Please output the line that contains "#164=IFCLOCALPLACEMENT(#14,#2);" and all later lines of the material, exactly, through the end.

+---+

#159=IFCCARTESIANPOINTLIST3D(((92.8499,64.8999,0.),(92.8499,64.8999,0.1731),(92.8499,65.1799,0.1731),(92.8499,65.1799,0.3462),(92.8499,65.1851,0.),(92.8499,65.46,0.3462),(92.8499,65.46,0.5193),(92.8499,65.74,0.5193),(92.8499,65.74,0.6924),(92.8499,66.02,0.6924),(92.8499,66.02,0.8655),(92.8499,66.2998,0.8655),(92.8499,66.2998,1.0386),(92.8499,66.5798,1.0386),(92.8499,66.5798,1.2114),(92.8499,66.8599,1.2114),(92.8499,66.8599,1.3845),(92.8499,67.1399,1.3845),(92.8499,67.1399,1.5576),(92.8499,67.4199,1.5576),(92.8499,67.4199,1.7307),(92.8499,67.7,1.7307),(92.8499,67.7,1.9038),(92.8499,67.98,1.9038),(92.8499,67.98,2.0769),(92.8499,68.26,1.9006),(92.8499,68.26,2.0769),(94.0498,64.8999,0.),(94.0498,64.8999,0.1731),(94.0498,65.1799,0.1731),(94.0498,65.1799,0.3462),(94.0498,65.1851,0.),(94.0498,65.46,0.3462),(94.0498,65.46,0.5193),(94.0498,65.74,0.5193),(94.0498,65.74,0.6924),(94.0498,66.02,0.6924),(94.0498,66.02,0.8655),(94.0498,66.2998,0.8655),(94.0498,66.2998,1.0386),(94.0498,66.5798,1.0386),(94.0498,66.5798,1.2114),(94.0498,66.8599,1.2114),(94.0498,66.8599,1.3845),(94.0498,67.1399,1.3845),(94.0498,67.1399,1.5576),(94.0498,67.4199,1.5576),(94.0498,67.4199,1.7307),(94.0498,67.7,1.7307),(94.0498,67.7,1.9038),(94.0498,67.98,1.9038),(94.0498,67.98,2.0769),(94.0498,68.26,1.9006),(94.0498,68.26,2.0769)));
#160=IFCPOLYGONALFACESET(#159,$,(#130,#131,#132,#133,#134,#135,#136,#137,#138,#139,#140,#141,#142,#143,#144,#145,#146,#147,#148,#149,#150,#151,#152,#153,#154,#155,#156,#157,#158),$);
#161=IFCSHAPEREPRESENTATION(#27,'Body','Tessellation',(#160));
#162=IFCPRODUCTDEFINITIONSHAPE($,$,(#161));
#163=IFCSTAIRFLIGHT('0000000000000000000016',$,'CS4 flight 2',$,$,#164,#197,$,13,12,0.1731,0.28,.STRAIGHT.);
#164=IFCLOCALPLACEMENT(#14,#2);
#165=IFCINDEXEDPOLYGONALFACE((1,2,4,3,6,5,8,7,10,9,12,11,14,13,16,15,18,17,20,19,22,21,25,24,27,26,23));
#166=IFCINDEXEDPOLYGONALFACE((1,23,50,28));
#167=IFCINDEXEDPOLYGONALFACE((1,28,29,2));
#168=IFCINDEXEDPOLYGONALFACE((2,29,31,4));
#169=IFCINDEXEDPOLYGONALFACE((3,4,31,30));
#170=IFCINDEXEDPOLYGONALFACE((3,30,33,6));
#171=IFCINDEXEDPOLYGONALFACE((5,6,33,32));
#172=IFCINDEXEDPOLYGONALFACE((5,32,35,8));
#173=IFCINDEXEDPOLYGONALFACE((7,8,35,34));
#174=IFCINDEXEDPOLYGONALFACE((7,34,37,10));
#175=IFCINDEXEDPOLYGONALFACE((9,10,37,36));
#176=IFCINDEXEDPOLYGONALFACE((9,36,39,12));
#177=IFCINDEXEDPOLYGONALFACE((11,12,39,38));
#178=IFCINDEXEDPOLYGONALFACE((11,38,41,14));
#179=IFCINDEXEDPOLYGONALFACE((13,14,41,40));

+---+

**Task solution**:
#164=IFCLOCALPLACEMENT(#14,#2);
#165=IFCINDEXEDPOLYGONALFACE((1,2,4,3,6,5,8,7,10,9,12,11,14,13,16,15,18,17,20,19,22,21,25,24,27,26,23));
#166=IFCINDEXEDPOLYGONALFACE((1,23,50,28));
#167=IFCINDEXEDPOLYGONALFACE((1,28,29,2));
#168=IFCINDEXEDPOLYGONALFACE((2,29,31,4));
#169=IFCINDEXEDPOLYGONALFACE((3,4,31,30));
#170=IFCINDEXEDPOLYGONALFACE((3,30,33,6));
#171=IFCINDEXEDPOLYGONALFACE((5,6,33,32));
#172=IFCINDEXEDPOLYGONALFACE((5,32,35,8));
#173=IFCINDEXEDPOLYGONALFACE((7,8,35,34));
#174=IFCINDEXEDPOLYGONALFACE((7,34,37,10));
#175=IFCINDEXEDPOLYGONALFACE((9,10,37,36));
#176=IFCINDEXEDPOLYGONALFACE((9,36,39,12));
#177=IFCINDEXEDPOLYGONALFACE((11,12,39,38));
#178=IFCINDEXEDPOLYGONALFACE((11,38,41,14));
#179=IFCINDEXEDPOLYGONALFACE((13,14,41,40));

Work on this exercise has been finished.